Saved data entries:
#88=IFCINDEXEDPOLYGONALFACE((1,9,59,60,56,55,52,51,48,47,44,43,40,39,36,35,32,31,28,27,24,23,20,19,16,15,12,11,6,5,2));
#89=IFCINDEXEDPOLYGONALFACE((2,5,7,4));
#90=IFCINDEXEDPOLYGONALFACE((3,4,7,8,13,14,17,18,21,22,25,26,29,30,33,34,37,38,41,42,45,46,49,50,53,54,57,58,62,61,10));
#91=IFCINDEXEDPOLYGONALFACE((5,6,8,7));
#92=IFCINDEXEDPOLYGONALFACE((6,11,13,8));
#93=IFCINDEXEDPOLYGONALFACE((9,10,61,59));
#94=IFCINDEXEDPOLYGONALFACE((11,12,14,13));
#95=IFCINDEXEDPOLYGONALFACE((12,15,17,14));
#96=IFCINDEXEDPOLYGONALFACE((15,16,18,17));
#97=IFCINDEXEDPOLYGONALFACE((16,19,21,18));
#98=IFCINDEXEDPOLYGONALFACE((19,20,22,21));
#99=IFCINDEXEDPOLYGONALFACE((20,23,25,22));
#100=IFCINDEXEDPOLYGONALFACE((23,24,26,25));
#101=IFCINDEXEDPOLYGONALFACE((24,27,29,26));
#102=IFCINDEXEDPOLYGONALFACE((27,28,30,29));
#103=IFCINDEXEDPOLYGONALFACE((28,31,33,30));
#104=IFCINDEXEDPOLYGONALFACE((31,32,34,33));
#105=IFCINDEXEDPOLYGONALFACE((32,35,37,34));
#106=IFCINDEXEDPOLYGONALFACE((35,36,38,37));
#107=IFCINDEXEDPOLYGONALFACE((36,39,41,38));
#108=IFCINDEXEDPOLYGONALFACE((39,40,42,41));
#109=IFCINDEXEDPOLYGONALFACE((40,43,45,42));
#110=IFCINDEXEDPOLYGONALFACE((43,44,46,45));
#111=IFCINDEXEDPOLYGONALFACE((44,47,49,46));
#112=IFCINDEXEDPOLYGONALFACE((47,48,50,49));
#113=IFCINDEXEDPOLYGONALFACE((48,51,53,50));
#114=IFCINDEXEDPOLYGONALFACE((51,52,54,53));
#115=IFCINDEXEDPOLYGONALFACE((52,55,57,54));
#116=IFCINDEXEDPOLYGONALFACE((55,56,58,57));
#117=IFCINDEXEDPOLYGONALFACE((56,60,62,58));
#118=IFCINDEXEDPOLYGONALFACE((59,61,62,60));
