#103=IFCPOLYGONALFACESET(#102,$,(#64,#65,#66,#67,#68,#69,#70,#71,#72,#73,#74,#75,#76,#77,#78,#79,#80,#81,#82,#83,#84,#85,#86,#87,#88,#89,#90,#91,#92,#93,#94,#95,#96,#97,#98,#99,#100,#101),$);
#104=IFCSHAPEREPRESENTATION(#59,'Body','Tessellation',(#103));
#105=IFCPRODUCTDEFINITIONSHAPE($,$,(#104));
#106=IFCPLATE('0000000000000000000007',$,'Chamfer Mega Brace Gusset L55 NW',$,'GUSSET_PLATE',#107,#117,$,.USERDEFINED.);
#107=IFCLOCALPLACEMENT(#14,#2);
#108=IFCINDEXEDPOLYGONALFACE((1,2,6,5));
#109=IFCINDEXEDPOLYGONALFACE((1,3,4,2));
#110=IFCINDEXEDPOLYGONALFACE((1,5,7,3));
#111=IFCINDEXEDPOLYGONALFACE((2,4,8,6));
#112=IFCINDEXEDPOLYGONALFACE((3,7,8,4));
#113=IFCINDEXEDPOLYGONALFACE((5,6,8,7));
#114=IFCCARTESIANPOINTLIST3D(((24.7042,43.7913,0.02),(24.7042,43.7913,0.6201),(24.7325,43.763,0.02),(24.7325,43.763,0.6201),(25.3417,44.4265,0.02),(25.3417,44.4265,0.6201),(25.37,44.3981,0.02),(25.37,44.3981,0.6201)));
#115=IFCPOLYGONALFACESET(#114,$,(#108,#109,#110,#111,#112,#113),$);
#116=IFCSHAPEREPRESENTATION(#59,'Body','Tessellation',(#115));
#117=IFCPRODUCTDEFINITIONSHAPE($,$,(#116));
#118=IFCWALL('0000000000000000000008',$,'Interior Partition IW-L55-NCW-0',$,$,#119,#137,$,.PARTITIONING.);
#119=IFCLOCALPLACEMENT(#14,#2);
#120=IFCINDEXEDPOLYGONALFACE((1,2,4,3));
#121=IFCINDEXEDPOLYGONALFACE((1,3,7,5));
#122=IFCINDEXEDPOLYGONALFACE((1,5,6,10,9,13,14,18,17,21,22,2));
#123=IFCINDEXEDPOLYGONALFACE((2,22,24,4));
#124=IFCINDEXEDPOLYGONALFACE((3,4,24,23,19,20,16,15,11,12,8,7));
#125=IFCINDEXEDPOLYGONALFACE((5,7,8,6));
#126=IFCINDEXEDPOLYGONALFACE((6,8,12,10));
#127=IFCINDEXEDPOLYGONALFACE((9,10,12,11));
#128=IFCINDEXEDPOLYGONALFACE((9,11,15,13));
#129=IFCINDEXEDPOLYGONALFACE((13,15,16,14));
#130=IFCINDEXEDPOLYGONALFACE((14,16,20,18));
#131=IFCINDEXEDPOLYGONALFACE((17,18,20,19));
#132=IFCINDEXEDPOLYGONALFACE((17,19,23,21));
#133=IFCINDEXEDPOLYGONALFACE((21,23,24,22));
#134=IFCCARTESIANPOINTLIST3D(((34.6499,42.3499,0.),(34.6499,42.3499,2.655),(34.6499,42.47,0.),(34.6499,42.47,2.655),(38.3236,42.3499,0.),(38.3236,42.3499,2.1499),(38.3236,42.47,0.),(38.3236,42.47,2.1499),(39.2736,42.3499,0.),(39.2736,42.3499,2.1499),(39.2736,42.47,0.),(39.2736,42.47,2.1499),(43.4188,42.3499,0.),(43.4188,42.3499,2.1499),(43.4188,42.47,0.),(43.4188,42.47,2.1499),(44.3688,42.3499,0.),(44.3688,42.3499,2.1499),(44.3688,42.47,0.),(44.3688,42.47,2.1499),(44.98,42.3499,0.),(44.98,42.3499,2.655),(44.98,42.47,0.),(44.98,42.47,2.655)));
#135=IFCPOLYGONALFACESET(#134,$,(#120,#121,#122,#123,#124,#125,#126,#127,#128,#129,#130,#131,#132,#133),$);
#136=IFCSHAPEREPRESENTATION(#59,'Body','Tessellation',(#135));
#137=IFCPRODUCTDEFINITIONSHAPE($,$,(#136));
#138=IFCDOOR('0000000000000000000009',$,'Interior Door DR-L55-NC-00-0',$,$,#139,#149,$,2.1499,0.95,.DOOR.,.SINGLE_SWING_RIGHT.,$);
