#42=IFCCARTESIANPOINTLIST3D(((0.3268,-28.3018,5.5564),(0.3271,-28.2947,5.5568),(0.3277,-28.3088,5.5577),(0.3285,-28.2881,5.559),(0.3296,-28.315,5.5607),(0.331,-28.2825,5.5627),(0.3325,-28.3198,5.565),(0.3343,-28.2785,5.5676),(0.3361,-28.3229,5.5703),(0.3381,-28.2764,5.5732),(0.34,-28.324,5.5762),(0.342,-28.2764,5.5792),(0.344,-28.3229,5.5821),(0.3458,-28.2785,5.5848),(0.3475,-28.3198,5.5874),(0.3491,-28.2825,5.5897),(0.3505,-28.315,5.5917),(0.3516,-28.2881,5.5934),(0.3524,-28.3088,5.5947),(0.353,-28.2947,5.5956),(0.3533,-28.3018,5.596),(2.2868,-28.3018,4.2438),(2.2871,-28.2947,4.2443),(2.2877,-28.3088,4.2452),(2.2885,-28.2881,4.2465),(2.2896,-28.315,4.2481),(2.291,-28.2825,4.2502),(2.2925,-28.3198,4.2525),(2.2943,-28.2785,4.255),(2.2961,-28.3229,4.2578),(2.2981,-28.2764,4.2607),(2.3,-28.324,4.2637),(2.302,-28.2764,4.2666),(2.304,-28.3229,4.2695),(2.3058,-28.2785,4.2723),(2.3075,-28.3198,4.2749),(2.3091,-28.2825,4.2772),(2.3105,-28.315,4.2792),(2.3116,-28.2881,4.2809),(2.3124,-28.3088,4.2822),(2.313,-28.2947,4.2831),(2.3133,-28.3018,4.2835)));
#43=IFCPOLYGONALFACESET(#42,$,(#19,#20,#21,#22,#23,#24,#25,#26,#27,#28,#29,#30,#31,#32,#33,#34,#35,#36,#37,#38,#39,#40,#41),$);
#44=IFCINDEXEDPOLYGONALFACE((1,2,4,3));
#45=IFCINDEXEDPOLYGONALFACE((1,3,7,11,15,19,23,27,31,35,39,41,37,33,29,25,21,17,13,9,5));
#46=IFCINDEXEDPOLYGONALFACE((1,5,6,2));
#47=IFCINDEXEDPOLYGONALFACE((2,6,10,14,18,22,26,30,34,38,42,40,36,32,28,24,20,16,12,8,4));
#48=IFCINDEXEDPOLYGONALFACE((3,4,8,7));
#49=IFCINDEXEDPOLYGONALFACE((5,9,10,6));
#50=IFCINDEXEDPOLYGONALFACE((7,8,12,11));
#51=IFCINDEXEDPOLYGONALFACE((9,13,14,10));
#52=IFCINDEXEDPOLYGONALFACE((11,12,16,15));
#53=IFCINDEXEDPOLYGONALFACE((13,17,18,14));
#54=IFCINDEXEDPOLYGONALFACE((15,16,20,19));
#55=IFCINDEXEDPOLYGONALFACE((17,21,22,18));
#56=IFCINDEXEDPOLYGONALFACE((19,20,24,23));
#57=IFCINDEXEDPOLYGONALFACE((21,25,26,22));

Action item:
All lines from the beginning of the entries through the line marked "#92=IFCINDEXEDPOLYGONALFACE((6,11,13,8));" are to be output exactly; nothing else belongs in the answer.

Exercise answer:
#88=IFCINDEXEDPOLYGONALFACE((1,9,59,60,56,55,52,51,48,47,44,43,40,39,36,35,32,31,28,27,24,23,20,19,16,15,12,11,6,5,2));
#89=IFCINDEXEDPOLYGONALFACE((2,5,7,4));
#90=IFCINDEXEDPOLYGONALFACE((3,4,7,8,13,14,17,18,21,22,25,26,29,30,33,34,37,38,41,42,45,46,49,50,53,54,57,58,62,61,10));
#91=IFCINDEXEDPOLYGONALFACE((5,6,8,7));
#92=IFCINDEXEDPOLYGONALFACE((6,11,13,8));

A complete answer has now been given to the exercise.